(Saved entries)
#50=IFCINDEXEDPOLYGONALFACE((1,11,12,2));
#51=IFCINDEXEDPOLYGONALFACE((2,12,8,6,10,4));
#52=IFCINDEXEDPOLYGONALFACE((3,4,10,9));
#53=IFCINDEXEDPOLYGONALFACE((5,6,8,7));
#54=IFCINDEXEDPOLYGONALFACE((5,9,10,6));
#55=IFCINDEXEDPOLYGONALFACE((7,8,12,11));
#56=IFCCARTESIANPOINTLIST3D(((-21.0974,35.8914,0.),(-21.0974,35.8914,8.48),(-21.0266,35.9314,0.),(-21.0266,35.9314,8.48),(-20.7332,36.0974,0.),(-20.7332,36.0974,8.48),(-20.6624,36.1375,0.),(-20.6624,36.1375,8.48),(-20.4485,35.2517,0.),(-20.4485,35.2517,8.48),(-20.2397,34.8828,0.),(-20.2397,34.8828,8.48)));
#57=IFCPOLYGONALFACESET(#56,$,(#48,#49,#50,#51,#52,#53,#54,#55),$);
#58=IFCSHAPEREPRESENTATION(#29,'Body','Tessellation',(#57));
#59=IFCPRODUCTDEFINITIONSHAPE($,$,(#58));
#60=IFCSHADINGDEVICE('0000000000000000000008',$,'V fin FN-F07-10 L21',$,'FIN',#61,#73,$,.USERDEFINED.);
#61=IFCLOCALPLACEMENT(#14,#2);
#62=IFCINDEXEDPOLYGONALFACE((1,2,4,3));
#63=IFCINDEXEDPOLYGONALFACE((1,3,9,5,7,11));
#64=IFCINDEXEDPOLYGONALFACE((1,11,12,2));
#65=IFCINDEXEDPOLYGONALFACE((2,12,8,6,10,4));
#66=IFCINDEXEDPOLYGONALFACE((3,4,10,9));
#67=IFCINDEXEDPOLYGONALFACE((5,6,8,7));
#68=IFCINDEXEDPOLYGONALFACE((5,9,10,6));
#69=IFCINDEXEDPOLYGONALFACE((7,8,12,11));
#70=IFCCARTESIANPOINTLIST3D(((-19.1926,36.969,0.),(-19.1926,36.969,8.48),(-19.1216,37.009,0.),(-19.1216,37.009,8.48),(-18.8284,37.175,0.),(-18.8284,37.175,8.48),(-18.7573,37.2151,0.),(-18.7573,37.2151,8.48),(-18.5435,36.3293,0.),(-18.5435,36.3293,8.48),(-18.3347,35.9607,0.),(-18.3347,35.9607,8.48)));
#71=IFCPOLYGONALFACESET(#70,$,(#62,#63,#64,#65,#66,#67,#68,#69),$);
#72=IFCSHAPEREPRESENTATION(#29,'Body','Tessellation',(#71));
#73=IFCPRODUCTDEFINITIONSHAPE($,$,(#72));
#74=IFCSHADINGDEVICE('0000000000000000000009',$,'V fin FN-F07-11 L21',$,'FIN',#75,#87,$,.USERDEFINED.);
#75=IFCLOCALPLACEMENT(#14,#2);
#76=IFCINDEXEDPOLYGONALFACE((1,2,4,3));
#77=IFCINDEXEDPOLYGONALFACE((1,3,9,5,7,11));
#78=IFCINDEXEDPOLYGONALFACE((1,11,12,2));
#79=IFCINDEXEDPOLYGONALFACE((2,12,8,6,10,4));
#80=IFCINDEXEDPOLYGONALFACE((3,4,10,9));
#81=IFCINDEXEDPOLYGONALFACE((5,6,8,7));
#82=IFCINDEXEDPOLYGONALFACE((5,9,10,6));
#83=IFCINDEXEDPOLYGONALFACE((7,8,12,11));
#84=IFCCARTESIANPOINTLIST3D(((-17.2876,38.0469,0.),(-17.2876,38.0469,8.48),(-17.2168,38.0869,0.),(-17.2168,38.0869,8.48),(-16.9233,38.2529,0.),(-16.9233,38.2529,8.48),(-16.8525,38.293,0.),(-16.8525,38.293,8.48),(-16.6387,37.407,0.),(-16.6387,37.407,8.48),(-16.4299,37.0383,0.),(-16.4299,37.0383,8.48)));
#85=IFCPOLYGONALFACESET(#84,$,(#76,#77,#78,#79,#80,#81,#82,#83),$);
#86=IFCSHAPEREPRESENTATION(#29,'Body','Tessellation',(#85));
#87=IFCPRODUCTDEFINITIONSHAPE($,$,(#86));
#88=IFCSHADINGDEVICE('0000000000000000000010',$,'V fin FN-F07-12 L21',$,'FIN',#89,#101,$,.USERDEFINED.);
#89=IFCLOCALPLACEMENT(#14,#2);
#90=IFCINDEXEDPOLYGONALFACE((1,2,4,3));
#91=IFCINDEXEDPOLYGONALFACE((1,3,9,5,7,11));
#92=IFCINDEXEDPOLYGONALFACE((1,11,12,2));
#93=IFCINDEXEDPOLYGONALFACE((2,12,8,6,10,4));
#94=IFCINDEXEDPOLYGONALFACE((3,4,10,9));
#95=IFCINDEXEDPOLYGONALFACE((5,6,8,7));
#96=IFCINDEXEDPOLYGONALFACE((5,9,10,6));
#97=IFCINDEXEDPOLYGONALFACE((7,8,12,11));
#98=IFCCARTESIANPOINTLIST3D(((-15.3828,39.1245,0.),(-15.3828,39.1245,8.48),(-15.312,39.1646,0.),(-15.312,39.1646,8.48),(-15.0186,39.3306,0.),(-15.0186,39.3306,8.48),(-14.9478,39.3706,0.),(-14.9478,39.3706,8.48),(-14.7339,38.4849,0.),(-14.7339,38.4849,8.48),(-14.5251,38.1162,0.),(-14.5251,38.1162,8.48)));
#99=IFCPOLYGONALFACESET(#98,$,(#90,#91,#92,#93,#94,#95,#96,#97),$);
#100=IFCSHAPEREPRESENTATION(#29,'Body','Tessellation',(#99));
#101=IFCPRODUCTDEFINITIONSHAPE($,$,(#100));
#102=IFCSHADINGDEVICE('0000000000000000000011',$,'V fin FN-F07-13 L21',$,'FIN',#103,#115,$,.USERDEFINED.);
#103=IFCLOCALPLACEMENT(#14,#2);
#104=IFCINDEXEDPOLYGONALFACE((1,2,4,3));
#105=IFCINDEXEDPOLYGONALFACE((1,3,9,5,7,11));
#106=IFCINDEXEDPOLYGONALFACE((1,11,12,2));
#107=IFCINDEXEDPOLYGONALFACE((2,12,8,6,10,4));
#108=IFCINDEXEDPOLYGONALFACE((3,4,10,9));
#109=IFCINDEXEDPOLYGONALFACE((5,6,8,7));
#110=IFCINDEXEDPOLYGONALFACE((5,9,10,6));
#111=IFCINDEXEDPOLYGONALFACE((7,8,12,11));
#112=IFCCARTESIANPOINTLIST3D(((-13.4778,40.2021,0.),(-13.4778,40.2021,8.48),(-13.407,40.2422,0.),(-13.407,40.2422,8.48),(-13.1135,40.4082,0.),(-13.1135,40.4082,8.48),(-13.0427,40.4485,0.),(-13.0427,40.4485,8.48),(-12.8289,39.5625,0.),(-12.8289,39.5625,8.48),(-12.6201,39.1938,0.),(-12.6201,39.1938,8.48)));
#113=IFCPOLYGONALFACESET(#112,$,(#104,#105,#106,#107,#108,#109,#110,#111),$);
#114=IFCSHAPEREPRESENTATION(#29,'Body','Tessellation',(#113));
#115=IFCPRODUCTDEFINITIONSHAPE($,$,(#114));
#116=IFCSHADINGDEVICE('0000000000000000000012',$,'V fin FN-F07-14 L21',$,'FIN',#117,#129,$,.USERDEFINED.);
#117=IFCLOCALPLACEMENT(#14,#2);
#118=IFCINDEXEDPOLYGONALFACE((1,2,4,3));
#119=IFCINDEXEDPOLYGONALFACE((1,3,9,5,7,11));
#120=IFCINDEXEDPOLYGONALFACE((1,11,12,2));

= WHAT IS BEING ASKED =
None of the lines above may be skipped. Transcribe each one exactly.

= ANSWER TO THE PROBLEM =
#50=IFCINDEXEDPOLYGONALFACE((1,11,12,2));
#51=IFCINDEXEDPOLYGONALFACE((2,12,8,6,10,4));
#52=IFCINDEXEDPOLYGONALFACE((3,4,10,9));
#53=IFCINDEXEDPOLYGONALFACE((5,6,8,7));
#54=IFCINDEXEDPOLYGONALFACE((5,9,10,6));
#55=IFCINDEXEDPOLYGONALFACE((7,8,12,11));
#56=IFCCARTESIANPOINTLIST3D(((-21.0974,35.8914,0.),(-21.0974,35.8914,8.48),(-21.0266,35.9314,0.),(-21.0266,35.9314,8.48),(-20.7332,36.0974,0.),(-20.7332,36.0974,8.48),(-20.6624,36.1375,0.),(-20.6624,36.1375,8.48),(-20.4485,35.2517,0.),(-20.4485,35.2517,8.48),(-20.2397,34.8828,0.),(-20.2397,34.8828,8.48)));
#57=IFCPOLYGONALFACESET(#56,$,(#48,#49,#50,#51,#52,#53,#54,#55),$);
#58=IFCSHAPEREPRESENTATION(#29,'Body','Tessellation',(#57));
#59=IFCPRODUCTDEFINITIONSHAPE($,$,(#58));
#60=IFCSHADINGDEVICE('0000000000000000000008',$,'V fin FN-F07-10 L21',$,'FIN',#61,#73,$,.USERDEFINED.);
#61=IFCLOCALPLACEMENT(#14,#2);
#62=IFCINDEXEDPOLYGONALFACE((1,2,4,3));
#63=IFCINDEXEDPOLYGONALFACE((1,3,9,5,7,11));
#64=IFCINDEXEDPOLYGONALFACE((1,11,12,2));
#65=IFCINDEXEDPOLYGONALFACE((2,12,8,6,10,4));
#66=IFCINDEXEDPOLYGONALFACE((3,4,10,9));
#67=IFCINDEXEDPOLYGONALFACE((5,6,8,7));
#68=IFCINDEXEDPOLYGONALFACE((5,9,10,6));
#69=IFCINDEXEDPOLYGONALFACE((7,8,12,11));
#70=IFCCARTESIANPOINTLIST3D(((-19.1926,36.969,0.),(-19.1926,36.969,8.48),(-19.1216,37.009,0.),(-19.1216,37.009,8.48),(-18.8284,37.175,0.),(-18.8284,37.175,8.48),(-18.7573,37.2151,0.),(-18.7573,37.2151,8.48),(-18.5435,36.3293,0.),(-18.5435,36.3293,8.48),(-18.3347,35.9607,0.),(-18.3347,35.9607,8.48)));
#71=IFCPOLYGONALFACESET(#70,$,(#62,#63,#64,#65,#66,#67,#68,#69),$);
#72=IFCSHAPEREPRESENTATION(#29,'Body','Tessellation',(#71));
#73=IFCPRODUCTDEFINITIONSHAPE($,$,(#72));
#74=IFCSHADINGDEVICE('0000000000000000000009',$,'V fin FN-F07-11 L21',$,'FIN',#75,#87,$,.USERDEFINED.);
#75=IFCLOCALPLACEMENT(#14,#2);
#76=IFCINDEXEDPOLYGONALFACE((1,2,4,3));
#77=IFCINDEXEDPOLYGONALFACE((1,3,9,5,7,11));
#78=IFCINDEXEDPOLYGONALFACE((1,11,12,2));
#79=IFCINDEXEDPOLYGONALFACE((2,12,8,6,10,4));
#80=IFCINDEXEDPOLYGONALFACE((3,4,10,9));
#81=IFCINDEXEDPOLYGONALFACE((5,6,8,7));
#82=IFCINDEXEDPOLYGONALFACE((5,9,10,6));
#83=IFCINDEXEDPOLYGONALFACE((7,8,12,11));
#84=IFCCARTESIANPOINTLIST3D(((-17.2876,38.0469,0.),(-17.2876,38.0469,8.48),(-17.2168,38.0869,0.),(-17.2168,38.0869,8.48),(-16.9233,38.2529,0.),(-16.9233,38.2529,8.48),(-16.8525,38.293,0.),(-16.8525,38.293,8.48),(-16.6387,37.407,0.),(-16.6387,37.407,8.48),(-16.4299,37.0383,0.),(-16.4299,37.0383,8.48)));
#85=IFCPOLYGONALFACESET(#84,$,(#76,#77,#78,#79,#80,#81,#82,#83),$);
#86=IFCSHAPEREPRESENTATION(#29,'Body','Tessellation',(#85));
#87=IFCPRODUCTDEFINITIONSHAPE($,$,(#86));
#88=IFCSHADINGDEVICE('0000000000000000000010',$,'V fin FN-F07-12 L21',$,'FIN',#89,#101,$,.USERDEFINED.);
#89=IFCLOCALPLACEMENT(#14,#2);
#90=IFCINDEXEDPOLYGONALFACE((1,2,4,3));
#91=IFCINDEXEDPOLYGONALFACE((1,3,9,5,7,11));
#92=IFCINDEXEDPOLYGONALFACE((1,11,12,2));
#93=IFCINDEXEDPOLYGONALFACE((2,12,8,6,10,4));
#94=IFCINDEXEDPOLYGONALFACE((3,4,10,9));
#95=IFCINDEXEDPOLYGONALFACE((5,6,8,7));
#96=IFCINDEXEDPOLYGONALFACE((5,9,10,6));
#97=IFCINDEXEDPOLYGONALFACE((7,8,12,11));
#98=IFCCARTESIANPOINTLIST3D(((-15.3828,39.1245,0.),(-15.3828,39.1245,8.48),(-15.312,39.1646,0.),(-15.312,39.1646,8.48),(-15.0186,39.3306,0.),(-15.0186,39.3306,8.48),(-14.9478,39.3706,0.),(-14.9478,39.3706,8.48),(-14.7339,38.4849,0.),(-14.7339,38.4849,8.48),(-14.5251,38.1162,0.),(-14.5251,38.1162,8.48)));
#99=IFCPOLYGONALFACESET(#98,$,(#90,#91,#92,#93,#94,#95,#96,#97),$);
#100=IFCSHAPEREPRESENTATION(#29,'Body','Tessellation',(#99));
#101=IFCPRODUCTDEFINITIONSHAPE($,$,(#100));
#102=IFCSHADINGDEVICE('0000000000000000000011',$,'V fin FN-F07-13 L21',$,'FIN',#103,#115,$,.USERDEFINED.);
#103=IFCLOCALPLACEMENT(#14,#2);
#104=IFCINDEXEDPOLYGONALFACE((1,2,4,3));
#105=IFCINDEXEDPOLYGONALFACE((1,3,9,5,7,11));
#106=IFCINDEXEDPOLYGONALFACE((1,11,12,2));
#107=IFCINDEXEDPOLYGONALFACE((2,12,8,6,10,4));
#108=IFCINDEXEDPOLYGONALFACE((3,4,10,9));
#109=IFCINDEXEDPOLYGONALFACE((5,6,8,7));
#110=IFCINDEXEDPOLYGONALFACE((5,9,10,6));
#111=IFCINDEXEDPOLYGONALFACE((7,8,12,11));
#112=IFCCARTESIANPOINTLIST3D(((-13.4778,40.2021,0.),(-13.4778,40.2021,8.48),(-13.407,40.2422,0.),(-13.407,40.2422,8.48),(-13.1135,40.4082,0.),(-13.1135,40.4082,8.48),(-13.0427,40.4485,0.),(-13.0427,40.4485,8.48),(-12.8289,39.5625,0.),(-12.8289,39.5625,8.48),(-12.6201,39.1938,0.),(-12.6201,39.1938,8.48)));
#113=IFCPOLYGONALFACESET(#112,$,(#104,#105,#106,#107,#108,#109,#110,#111),$);
#114=IFCSHAPEREPRESENTATION(#29,'Body','Tessellation',(#113));
#115=IFCPRODUCTDEFINITIONSHAPE($,$,(#114));
#116=IFCSHADINGDEVICE('0000000000000000000012',$,'V fin FN-F07-14 L21',$,'FIN',#117,#129,$,.USERDEFINED.);
#117=IFCLOCALPLACEMENT(#14,#2);
#118=IFCINDEXEDPOLYGONALFACE((1,2,4,3));
#119=IFCINDEXEDPOLYGONALFACE((1,3,9,5,7,11));
#120=IFCINDEXEDPOLYGONALFACE((1,11,12,2));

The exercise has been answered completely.